■ **Activity**
Please return all lines from the records below that include the string "CompositionType".
-------- Material provided
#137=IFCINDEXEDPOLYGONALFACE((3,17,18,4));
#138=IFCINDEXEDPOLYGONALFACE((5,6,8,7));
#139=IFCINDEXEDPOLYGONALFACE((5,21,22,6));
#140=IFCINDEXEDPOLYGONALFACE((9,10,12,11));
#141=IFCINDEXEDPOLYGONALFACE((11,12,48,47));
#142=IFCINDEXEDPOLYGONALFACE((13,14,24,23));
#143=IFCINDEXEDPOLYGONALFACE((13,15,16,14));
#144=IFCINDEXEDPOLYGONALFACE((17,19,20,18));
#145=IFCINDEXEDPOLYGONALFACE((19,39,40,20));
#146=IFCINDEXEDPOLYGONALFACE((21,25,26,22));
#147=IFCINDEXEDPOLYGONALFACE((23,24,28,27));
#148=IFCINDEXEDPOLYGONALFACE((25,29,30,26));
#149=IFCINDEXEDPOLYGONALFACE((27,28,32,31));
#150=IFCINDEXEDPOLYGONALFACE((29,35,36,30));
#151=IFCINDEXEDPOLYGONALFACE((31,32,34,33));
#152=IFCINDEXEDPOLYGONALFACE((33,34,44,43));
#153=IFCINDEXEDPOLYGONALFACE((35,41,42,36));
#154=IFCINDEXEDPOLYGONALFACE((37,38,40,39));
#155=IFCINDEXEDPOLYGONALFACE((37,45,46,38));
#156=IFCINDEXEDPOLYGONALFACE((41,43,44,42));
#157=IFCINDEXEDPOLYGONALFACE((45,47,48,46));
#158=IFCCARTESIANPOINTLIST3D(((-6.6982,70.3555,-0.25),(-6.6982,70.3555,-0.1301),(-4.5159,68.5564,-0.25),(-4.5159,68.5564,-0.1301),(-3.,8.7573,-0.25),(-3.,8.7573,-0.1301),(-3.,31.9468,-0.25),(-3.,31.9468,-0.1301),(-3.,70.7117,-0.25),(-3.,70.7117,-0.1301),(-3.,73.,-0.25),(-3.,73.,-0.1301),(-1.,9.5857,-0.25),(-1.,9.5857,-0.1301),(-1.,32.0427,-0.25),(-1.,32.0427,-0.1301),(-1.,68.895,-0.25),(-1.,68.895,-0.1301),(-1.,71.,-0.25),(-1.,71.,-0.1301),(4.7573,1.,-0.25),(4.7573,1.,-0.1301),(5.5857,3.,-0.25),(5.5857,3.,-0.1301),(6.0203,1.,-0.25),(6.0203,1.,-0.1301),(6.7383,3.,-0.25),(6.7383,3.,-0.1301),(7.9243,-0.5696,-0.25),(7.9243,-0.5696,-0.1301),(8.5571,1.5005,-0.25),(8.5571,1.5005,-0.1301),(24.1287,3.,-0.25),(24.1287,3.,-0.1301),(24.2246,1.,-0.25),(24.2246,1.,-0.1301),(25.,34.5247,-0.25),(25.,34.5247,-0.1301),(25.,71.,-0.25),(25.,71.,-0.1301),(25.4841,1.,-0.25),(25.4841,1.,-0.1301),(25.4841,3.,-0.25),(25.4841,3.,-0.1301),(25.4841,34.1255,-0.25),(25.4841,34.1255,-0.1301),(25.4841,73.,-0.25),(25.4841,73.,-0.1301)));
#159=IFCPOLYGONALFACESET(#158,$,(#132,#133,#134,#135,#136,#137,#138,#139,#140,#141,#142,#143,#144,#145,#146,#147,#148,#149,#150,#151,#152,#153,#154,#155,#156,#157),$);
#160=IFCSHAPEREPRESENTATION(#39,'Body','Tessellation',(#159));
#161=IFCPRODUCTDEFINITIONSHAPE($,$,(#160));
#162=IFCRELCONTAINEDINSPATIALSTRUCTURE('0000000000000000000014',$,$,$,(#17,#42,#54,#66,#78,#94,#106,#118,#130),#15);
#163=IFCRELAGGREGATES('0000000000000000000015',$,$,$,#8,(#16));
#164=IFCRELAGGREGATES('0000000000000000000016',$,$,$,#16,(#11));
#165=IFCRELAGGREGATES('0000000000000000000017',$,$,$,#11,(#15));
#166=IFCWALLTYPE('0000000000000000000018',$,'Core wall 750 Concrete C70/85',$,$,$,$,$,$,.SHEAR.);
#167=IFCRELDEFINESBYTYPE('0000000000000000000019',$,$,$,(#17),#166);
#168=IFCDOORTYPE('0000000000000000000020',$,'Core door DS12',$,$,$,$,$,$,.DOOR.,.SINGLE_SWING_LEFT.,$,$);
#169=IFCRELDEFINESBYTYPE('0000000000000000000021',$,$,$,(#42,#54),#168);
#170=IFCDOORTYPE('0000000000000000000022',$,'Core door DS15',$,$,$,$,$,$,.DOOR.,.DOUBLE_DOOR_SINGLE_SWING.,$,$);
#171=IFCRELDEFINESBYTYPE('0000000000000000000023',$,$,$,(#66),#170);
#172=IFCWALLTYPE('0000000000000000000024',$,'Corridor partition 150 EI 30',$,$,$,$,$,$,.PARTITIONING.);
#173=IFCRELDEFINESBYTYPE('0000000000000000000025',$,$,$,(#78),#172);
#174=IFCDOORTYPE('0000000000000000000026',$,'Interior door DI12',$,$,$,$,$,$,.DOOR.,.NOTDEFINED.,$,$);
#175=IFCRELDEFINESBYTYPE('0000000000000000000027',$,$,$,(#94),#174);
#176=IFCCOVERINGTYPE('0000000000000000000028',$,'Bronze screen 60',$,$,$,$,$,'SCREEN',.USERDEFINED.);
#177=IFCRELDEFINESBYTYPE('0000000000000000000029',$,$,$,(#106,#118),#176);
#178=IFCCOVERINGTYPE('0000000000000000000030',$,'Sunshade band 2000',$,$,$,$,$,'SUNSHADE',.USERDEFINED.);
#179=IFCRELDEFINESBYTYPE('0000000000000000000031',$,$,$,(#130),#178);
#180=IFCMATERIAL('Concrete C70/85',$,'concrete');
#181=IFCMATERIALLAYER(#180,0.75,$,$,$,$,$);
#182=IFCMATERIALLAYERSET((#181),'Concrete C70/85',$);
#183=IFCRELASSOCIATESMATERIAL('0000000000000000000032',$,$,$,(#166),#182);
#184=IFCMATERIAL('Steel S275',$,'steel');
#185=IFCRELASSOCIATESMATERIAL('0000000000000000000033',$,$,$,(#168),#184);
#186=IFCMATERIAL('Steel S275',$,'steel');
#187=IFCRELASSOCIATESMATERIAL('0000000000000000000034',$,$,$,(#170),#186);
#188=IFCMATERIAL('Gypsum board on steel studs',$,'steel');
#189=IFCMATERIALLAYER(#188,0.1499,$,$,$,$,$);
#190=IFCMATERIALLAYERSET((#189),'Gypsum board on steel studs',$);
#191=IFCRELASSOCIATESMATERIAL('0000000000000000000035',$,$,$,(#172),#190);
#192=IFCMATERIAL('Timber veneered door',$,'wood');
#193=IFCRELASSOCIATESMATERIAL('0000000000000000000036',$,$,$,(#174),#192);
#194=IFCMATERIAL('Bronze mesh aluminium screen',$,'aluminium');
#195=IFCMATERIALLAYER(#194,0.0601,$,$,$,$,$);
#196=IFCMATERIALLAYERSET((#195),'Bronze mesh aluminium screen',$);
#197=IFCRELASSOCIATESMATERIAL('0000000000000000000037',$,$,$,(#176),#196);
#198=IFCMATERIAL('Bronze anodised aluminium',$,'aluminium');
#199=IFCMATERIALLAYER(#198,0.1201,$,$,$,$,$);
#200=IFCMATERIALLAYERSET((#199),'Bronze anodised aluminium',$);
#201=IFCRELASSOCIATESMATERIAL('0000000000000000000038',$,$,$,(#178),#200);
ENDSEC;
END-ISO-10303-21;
----------------
-------- Material provided
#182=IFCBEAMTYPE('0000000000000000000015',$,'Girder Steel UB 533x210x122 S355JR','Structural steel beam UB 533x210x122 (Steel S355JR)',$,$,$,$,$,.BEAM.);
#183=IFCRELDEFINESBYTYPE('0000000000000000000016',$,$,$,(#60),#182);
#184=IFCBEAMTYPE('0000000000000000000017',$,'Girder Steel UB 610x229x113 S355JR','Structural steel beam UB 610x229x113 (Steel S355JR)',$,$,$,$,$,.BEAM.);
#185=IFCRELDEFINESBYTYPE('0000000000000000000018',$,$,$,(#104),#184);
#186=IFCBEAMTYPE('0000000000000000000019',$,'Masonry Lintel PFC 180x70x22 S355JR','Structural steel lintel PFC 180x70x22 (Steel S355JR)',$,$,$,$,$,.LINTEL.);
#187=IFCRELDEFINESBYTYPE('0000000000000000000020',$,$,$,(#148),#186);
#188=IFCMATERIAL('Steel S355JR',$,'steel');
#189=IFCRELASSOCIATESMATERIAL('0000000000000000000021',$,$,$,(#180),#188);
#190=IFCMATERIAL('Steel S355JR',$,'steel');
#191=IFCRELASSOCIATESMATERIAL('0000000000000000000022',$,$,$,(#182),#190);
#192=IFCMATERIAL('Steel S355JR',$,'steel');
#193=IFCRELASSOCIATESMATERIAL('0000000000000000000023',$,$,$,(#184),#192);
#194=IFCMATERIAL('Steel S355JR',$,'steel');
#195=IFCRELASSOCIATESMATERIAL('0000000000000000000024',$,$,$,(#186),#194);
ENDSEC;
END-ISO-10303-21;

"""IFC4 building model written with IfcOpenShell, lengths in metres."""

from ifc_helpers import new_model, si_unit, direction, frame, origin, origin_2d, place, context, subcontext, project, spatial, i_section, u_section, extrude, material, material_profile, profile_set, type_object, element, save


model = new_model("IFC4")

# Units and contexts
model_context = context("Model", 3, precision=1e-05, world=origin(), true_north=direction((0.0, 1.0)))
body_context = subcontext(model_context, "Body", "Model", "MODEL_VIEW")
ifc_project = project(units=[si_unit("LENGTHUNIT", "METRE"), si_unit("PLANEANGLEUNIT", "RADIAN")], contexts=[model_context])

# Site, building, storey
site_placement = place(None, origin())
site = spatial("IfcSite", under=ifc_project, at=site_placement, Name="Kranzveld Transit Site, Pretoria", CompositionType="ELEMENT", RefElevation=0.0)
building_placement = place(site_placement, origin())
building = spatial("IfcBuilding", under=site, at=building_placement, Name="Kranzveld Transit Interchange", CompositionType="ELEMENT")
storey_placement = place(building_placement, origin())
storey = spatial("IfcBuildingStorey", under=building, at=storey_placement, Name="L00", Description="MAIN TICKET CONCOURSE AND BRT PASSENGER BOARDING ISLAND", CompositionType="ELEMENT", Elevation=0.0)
----------------
-------- Material provided
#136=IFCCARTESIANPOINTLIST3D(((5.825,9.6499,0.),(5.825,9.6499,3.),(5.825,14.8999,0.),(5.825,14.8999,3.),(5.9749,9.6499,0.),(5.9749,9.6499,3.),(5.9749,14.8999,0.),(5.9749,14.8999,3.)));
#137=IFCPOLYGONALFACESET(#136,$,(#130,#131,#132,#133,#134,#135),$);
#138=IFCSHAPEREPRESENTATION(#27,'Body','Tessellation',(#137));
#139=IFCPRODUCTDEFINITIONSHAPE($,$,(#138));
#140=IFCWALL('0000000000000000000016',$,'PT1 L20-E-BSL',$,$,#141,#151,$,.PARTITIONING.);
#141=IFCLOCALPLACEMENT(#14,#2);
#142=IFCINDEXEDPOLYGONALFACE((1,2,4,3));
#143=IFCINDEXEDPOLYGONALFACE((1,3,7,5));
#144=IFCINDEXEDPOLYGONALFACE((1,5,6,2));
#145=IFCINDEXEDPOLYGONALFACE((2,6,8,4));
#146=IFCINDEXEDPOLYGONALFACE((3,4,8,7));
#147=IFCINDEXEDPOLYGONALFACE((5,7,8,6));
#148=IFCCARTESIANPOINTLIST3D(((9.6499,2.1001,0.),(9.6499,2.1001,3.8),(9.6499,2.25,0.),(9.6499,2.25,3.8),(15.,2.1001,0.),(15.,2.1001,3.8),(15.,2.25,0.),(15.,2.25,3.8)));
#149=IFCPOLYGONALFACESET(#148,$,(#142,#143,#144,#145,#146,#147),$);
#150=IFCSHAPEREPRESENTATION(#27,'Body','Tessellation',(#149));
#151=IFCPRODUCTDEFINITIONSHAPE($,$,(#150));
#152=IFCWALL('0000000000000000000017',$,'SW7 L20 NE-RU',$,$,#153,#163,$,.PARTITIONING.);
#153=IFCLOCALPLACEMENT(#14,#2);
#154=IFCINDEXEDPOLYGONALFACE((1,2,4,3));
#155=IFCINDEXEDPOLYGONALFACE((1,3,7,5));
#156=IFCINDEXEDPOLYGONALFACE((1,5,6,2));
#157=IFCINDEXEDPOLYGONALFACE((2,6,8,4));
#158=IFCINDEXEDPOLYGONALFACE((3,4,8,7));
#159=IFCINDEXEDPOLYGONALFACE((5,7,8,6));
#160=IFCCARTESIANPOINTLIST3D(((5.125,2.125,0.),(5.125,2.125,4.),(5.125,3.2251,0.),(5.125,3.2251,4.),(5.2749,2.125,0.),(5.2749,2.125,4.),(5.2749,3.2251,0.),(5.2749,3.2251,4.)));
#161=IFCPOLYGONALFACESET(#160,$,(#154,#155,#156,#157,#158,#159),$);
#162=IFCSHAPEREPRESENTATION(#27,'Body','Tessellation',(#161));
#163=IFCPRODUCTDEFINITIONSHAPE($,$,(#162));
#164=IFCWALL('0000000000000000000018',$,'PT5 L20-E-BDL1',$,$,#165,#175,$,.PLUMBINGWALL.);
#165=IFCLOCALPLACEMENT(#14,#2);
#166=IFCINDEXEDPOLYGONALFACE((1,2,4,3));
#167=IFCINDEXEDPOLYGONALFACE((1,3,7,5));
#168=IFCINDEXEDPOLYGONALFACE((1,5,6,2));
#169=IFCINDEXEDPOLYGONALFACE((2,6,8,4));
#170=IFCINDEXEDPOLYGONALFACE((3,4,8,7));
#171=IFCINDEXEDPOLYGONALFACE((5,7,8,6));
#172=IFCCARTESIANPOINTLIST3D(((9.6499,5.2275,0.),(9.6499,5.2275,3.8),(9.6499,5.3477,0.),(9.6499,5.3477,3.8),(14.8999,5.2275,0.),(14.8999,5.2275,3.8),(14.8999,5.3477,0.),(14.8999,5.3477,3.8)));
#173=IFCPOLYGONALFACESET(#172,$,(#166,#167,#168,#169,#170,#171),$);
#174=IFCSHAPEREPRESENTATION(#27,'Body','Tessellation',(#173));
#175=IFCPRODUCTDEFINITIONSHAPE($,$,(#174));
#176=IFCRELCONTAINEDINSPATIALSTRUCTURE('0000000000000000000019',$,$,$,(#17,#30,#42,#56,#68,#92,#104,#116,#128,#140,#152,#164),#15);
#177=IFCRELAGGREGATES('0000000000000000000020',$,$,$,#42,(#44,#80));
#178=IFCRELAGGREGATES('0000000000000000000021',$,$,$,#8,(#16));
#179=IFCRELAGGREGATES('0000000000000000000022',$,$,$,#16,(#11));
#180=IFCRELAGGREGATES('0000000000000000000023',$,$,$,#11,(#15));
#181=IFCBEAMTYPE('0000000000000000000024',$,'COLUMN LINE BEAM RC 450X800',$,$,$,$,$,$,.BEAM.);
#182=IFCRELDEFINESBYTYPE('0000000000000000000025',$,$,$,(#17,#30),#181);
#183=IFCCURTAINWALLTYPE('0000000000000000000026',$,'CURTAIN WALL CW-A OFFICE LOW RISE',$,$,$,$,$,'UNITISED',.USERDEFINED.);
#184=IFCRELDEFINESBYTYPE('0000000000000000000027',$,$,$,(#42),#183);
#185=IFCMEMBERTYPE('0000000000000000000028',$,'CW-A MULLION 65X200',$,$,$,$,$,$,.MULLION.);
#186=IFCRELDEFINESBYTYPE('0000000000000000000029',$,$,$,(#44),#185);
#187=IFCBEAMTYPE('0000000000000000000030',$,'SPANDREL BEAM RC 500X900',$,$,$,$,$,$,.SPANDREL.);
----------------
■ **Result for this exercise**
site = spatial("IfcSite", under=ifc_project, at=site_placement, Name="Kranzveld Transit Site, Pretoria", CompositionType="ELEMENT", RefElevation=0.0)
building = spatial("IfcBuilding", under=site, at=building_placement, Name="Kranzveld Transit Interchange", CompositionType="ELEMENT")
storey = spatial("IfcBuildingStorey", under=building, at=storey_placement, Name="L00", Description="MAIN TICKET CONCOURSE AND BRT PASSENGER BOARDING ISLAND", CompositionType="ELEMENT", Elevation=0.0)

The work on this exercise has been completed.